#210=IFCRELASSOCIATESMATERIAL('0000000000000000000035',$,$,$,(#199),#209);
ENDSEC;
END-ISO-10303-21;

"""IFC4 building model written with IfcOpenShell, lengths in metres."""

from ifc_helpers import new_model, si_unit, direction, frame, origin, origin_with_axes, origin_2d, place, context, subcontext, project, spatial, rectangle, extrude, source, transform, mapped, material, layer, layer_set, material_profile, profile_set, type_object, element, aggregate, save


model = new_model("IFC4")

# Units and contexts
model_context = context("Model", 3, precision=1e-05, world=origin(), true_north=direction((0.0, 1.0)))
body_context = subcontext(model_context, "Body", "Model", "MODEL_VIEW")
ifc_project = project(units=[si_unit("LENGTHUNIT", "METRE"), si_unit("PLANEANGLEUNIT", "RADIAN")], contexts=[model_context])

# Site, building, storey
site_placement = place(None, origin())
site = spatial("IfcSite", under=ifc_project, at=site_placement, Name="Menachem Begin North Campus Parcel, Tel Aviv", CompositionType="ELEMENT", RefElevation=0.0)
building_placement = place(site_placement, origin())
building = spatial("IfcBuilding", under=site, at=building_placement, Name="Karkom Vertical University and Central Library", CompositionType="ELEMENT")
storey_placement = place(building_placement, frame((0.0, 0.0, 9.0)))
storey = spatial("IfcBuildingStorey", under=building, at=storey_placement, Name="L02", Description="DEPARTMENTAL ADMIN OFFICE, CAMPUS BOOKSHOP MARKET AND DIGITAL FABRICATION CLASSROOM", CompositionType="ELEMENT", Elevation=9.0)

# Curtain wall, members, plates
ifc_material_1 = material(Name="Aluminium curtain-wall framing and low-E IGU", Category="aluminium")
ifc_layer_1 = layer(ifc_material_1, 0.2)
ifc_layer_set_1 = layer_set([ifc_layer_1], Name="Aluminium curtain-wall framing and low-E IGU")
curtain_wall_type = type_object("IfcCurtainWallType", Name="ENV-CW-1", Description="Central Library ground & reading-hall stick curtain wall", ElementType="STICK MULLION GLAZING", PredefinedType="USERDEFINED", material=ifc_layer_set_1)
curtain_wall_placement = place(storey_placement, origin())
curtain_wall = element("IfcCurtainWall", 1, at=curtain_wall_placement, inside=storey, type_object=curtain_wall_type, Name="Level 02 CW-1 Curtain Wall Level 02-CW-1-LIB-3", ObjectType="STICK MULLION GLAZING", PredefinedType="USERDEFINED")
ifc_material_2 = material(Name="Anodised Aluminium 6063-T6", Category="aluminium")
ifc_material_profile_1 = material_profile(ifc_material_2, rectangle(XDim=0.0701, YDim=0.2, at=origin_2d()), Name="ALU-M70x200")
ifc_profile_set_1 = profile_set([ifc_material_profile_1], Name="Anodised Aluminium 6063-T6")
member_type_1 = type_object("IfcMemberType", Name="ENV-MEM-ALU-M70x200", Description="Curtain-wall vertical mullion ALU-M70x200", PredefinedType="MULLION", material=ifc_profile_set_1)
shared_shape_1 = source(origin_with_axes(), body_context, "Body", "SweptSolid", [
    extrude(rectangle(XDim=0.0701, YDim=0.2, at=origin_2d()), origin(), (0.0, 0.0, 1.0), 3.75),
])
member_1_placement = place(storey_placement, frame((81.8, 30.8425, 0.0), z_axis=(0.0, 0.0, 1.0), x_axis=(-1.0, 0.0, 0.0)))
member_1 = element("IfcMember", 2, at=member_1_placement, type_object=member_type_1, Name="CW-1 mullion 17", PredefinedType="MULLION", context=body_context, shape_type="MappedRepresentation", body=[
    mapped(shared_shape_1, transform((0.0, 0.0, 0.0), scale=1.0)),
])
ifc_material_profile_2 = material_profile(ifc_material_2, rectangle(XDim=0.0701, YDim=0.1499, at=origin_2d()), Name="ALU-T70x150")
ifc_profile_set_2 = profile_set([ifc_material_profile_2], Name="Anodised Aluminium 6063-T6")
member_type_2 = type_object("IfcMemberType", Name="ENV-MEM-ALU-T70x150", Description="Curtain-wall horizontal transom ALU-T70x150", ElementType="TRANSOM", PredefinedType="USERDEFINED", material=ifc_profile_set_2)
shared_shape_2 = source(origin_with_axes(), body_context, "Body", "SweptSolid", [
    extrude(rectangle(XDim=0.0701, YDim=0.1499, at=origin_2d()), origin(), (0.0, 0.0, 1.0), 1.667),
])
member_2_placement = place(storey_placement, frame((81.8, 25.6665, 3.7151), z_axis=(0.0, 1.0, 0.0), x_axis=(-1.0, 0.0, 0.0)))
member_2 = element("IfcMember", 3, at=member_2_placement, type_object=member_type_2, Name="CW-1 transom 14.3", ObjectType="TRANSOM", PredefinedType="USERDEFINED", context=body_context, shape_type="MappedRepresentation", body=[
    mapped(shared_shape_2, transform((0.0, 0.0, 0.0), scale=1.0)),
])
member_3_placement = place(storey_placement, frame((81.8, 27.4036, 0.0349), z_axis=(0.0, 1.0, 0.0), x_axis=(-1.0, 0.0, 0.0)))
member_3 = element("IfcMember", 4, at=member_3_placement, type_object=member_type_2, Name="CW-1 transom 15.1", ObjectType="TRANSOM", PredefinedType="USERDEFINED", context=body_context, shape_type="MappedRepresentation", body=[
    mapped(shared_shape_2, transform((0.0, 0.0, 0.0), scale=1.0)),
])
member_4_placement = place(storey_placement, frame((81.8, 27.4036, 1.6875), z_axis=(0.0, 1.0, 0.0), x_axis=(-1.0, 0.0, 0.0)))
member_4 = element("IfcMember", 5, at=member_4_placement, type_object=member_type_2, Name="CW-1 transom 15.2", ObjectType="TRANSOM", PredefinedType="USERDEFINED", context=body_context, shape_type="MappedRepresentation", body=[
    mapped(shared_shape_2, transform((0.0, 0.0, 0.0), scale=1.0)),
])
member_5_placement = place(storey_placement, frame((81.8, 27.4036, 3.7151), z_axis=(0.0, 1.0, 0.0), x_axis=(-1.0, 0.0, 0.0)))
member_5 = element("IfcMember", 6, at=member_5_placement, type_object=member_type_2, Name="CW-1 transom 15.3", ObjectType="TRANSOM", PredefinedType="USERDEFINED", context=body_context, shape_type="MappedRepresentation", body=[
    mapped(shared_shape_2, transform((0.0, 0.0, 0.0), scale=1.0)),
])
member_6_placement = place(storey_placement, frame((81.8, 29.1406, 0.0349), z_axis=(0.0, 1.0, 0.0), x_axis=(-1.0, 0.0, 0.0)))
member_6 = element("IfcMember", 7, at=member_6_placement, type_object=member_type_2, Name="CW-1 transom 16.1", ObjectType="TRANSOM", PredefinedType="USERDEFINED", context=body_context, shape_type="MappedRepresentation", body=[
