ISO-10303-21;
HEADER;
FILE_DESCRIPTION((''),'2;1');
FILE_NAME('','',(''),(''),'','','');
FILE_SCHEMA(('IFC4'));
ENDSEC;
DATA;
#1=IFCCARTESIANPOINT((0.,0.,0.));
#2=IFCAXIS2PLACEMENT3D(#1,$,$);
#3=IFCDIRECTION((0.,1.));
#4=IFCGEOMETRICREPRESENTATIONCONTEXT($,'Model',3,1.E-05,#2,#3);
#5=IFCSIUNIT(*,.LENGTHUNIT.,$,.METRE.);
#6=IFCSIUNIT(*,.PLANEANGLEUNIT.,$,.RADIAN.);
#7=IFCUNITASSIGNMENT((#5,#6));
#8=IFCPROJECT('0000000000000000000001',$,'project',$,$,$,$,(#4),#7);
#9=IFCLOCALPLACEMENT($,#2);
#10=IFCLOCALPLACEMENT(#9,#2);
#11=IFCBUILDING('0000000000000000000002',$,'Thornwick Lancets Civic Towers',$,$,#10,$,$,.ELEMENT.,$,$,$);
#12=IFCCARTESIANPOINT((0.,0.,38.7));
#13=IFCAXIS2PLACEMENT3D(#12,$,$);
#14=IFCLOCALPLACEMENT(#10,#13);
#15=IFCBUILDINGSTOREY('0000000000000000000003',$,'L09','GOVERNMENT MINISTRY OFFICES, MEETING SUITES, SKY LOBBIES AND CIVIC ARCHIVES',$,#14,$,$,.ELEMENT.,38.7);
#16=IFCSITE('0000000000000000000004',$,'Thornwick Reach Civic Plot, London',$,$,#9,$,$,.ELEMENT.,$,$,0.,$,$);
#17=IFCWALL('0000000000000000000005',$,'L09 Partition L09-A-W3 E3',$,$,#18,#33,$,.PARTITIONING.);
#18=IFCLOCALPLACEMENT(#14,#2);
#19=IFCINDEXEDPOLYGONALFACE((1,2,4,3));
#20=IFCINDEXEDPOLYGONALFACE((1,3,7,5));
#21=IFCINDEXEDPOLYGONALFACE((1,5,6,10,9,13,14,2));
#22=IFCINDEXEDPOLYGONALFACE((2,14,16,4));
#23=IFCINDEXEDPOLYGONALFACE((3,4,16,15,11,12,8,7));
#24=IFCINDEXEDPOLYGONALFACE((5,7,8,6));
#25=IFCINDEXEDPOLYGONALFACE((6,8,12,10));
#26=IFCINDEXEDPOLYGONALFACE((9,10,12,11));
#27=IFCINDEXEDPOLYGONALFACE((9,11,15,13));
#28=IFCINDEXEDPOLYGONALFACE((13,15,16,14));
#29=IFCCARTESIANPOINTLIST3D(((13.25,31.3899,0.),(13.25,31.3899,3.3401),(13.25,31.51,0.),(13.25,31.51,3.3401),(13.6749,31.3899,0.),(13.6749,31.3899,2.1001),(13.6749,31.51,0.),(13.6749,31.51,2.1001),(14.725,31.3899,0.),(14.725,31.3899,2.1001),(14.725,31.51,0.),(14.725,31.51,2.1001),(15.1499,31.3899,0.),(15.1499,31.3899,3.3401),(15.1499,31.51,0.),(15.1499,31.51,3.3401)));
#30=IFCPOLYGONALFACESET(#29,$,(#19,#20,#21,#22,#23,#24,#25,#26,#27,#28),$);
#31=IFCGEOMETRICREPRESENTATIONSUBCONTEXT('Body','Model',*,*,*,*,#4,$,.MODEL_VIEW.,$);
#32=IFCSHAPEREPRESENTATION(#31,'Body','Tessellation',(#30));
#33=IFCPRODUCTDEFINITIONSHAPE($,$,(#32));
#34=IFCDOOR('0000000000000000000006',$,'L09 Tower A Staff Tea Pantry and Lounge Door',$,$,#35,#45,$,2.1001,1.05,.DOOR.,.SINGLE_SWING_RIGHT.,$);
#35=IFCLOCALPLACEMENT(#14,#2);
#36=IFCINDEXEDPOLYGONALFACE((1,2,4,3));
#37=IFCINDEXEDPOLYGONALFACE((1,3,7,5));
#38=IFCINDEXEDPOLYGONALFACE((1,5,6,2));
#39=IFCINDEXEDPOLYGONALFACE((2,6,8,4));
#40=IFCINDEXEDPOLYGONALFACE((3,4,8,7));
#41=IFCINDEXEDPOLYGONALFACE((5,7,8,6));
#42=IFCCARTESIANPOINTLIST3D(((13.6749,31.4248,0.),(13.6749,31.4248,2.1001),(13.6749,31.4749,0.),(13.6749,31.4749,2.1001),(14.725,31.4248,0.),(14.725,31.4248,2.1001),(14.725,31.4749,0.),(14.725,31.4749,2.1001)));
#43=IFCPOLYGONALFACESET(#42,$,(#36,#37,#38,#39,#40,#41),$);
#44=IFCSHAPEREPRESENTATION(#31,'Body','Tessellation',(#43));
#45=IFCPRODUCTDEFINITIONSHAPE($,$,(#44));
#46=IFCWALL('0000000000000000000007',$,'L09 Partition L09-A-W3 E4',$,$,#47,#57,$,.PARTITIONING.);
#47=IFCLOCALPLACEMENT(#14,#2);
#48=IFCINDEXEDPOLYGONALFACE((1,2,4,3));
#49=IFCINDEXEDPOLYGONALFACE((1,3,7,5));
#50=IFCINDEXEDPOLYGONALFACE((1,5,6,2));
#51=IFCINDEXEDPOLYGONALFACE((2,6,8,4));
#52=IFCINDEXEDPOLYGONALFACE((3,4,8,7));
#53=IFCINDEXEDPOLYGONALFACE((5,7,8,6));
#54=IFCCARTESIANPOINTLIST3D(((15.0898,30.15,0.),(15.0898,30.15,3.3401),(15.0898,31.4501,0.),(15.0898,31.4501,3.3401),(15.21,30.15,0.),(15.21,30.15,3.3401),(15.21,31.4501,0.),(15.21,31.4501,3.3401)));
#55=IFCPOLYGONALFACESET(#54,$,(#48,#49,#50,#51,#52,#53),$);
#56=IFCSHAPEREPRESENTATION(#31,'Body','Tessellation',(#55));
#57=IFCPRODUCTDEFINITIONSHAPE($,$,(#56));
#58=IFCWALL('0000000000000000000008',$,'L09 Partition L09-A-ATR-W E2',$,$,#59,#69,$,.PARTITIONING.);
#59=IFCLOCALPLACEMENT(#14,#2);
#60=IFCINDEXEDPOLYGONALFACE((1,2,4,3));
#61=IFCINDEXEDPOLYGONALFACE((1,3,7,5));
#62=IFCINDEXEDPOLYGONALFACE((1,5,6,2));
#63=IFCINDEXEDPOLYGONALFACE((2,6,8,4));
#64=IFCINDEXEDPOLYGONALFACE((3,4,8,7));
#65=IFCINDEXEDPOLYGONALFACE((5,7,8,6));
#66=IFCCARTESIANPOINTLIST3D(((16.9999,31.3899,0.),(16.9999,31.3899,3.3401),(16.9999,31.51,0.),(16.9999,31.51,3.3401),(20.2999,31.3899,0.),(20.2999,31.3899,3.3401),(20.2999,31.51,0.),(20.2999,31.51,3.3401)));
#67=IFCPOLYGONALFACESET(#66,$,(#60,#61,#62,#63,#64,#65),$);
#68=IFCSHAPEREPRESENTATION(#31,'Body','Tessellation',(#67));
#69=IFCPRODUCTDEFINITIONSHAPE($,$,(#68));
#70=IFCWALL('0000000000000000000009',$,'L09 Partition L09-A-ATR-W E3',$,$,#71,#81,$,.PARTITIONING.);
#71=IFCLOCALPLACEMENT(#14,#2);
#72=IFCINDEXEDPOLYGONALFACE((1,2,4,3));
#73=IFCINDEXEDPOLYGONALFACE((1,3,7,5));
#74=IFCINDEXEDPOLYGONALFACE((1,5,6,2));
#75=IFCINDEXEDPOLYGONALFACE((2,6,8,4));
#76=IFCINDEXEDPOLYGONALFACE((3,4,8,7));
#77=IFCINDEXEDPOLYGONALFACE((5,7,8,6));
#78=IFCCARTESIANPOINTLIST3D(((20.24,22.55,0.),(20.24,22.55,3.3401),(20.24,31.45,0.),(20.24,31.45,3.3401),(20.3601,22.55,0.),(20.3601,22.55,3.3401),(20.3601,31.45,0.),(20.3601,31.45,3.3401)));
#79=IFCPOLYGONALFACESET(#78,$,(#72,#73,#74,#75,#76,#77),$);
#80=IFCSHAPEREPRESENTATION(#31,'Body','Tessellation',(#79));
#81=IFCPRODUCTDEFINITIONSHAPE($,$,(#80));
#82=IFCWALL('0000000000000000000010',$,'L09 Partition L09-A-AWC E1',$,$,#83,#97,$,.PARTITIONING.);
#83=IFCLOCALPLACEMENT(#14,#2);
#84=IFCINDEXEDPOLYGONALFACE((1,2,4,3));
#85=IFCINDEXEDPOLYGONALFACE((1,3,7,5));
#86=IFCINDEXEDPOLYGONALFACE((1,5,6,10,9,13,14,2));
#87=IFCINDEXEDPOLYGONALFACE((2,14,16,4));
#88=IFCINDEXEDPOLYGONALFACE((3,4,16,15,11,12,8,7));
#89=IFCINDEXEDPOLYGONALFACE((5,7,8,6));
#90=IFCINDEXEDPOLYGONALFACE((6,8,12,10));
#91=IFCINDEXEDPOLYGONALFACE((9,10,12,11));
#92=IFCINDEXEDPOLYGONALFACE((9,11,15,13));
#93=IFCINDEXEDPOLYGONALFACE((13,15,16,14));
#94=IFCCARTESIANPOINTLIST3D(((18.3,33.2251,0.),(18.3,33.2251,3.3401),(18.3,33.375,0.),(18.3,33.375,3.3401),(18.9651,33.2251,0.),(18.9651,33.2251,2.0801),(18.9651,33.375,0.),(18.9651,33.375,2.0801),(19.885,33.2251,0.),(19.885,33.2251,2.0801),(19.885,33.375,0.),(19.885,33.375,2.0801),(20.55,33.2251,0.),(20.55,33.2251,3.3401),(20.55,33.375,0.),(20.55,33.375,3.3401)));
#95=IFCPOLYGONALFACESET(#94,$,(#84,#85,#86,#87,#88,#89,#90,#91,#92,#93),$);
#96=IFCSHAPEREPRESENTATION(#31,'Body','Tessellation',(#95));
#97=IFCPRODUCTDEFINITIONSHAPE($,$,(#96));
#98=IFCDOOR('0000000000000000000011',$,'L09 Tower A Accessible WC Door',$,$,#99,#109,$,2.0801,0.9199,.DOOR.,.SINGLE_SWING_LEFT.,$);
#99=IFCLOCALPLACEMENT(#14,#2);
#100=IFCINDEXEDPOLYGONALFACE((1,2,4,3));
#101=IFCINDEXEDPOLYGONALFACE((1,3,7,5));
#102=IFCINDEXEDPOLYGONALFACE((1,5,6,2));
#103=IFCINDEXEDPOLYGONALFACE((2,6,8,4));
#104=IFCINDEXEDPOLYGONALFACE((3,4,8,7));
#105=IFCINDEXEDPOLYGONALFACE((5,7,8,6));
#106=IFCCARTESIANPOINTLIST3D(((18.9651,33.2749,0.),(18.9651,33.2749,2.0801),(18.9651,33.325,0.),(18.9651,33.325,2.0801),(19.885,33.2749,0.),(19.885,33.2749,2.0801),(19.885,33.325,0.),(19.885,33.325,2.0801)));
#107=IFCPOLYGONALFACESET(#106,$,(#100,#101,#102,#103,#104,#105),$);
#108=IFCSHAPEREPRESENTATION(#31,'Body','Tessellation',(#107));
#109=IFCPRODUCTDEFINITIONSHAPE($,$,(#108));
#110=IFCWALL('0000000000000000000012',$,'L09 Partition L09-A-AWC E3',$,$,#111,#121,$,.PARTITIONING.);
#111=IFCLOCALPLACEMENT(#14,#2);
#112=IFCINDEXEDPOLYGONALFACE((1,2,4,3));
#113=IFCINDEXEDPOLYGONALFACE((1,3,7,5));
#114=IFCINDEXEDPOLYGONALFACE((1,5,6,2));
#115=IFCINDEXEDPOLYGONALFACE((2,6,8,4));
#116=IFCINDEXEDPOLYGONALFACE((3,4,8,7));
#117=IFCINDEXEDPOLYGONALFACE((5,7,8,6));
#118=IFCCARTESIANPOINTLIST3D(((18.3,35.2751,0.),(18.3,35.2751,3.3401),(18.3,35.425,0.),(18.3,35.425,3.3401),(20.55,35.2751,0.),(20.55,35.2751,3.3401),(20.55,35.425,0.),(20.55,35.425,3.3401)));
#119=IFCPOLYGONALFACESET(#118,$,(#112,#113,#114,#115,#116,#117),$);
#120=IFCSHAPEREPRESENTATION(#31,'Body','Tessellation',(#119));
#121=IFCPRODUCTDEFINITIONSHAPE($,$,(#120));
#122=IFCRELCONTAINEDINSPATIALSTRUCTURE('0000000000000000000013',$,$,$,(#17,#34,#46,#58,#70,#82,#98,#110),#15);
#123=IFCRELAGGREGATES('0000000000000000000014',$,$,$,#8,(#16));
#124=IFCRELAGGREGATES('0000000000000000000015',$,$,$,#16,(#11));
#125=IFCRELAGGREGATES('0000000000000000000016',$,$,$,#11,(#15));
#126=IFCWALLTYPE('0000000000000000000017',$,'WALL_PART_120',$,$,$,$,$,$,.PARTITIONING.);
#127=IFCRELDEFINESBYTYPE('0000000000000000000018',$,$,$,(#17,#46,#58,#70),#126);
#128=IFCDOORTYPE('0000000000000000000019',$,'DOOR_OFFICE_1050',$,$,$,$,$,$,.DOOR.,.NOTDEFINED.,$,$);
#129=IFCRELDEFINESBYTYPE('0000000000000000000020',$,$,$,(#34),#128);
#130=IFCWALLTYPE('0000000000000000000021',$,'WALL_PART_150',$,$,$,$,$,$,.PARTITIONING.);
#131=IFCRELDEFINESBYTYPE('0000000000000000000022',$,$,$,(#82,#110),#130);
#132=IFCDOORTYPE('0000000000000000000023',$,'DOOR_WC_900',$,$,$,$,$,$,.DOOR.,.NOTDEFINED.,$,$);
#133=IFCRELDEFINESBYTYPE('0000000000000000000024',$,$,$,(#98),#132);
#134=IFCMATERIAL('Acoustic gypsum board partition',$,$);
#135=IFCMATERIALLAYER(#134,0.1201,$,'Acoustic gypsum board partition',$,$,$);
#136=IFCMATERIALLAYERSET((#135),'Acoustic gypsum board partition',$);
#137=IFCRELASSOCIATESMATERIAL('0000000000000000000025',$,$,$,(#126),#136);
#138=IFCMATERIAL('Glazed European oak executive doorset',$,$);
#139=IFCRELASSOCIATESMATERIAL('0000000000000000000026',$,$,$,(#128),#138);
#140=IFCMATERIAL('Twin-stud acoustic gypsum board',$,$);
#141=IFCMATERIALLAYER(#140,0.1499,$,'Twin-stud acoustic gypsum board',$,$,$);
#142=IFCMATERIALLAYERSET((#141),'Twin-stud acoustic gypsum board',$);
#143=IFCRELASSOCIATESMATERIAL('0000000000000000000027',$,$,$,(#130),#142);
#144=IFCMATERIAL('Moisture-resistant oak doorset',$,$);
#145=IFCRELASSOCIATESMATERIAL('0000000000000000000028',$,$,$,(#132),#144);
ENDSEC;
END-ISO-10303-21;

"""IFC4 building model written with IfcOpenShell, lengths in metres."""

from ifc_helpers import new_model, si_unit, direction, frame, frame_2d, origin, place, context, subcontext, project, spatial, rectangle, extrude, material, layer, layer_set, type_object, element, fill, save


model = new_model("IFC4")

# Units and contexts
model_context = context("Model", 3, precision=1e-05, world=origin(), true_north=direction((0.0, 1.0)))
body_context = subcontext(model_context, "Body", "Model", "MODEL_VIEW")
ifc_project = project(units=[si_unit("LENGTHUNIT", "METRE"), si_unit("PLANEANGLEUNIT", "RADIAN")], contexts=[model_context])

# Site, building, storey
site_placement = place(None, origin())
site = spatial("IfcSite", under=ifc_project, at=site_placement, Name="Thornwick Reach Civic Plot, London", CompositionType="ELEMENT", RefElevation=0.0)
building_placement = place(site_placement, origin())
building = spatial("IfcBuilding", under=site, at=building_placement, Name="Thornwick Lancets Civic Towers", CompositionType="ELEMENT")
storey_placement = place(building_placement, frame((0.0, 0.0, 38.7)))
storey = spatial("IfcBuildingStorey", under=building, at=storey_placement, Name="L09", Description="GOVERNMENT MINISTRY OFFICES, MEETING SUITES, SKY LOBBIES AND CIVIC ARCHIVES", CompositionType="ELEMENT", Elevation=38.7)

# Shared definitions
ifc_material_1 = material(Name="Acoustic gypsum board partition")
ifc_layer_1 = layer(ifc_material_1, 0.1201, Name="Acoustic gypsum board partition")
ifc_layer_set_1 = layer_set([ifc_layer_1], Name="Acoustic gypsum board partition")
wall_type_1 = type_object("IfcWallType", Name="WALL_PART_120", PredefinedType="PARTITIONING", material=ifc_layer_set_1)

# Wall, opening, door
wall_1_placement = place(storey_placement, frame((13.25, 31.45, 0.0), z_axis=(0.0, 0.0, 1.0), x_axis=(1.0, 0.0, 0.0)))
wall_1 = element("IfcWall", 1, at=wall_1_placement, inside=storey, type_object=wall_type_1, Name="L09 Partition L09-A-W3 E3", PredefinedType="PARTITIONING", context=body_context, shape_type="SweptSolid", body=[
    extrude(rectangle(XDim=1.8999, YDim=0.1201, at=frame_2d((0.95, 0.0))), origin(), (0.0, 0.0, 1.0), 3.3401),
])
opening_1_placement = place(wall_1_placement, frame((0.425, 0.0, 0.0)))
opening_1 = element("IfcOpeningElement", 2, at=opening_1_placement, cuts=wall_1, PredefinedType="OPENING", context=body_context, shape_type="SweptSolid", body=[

# # # # # # #

* _WHAT YOU SHOULD DO_
Could you set down, exactly as written, the lines above between the one holding "#38=IFCINDEXEDPOLYGONALFACE((1,5,6,2));" and the one holding "#53=IFCINDEXEDPOLYGONALFACE((5,7,8,6));", inclusive, and nothing more?

* _TASK RESULT_
#38=IFCINDEXEDPOLYGONALFACE((1,5,6,2));
#39=IFCINDEXEDPOLYGONALFACE((2,6,8,4));
#40=IFCINDEXEDPOLYGONALFACE((3,4,8,7));
#41=IFCINDEXEDPOLYGONALFACE((5,7,8,6));
#42=IFCCARTESIANPOINTLIST3D(((13.6749,31.4248,0.),(13.6749,31.4248,2.1001),(13.6749,31.4749,0.),(13.6749,31.4749,2.1001),(14.725,31.4248,0.),(14.725,31.4248,2.1001),(14.725,31.4749,0.),(14.725,31.4749,2.1001)));
#43=IFCPOLYGONALFACESET(#42,$,(#36,#37,#38,#39,#40,#41),$);
#44=IFCSHAPEREPRESENTATION(#31,'Body','Tessellation',(#43));
#45=IFCPRODUCTDEFINITIONSHAPE($,$,(#44));
#46=IFCWALL('0000000000000000000007',$,'L09 Partition L09-A-W3 E4',$,$,#47,#57,$,.PARTITIONING.);
#47=IFCLOCALPLACEMENT(#14,#2);
#48=IFCINDEXEDPOLYGONALFACE((1,2,4,3));
#49=IFCINDEXEDPOLYGONALFACE((1,3,7,5));
#50=IFCINDEXEDPOLYGONALFACE((1,5,6,2));
#51=IFCINDEXEDPOLYGONALFACE((2,6,8,4));
#52=IFCINDEXEDPOLYGONALFACE((3,4,8,7));
#53=IFCINDEXEDPOLYGONALFACE((5,7,8,6));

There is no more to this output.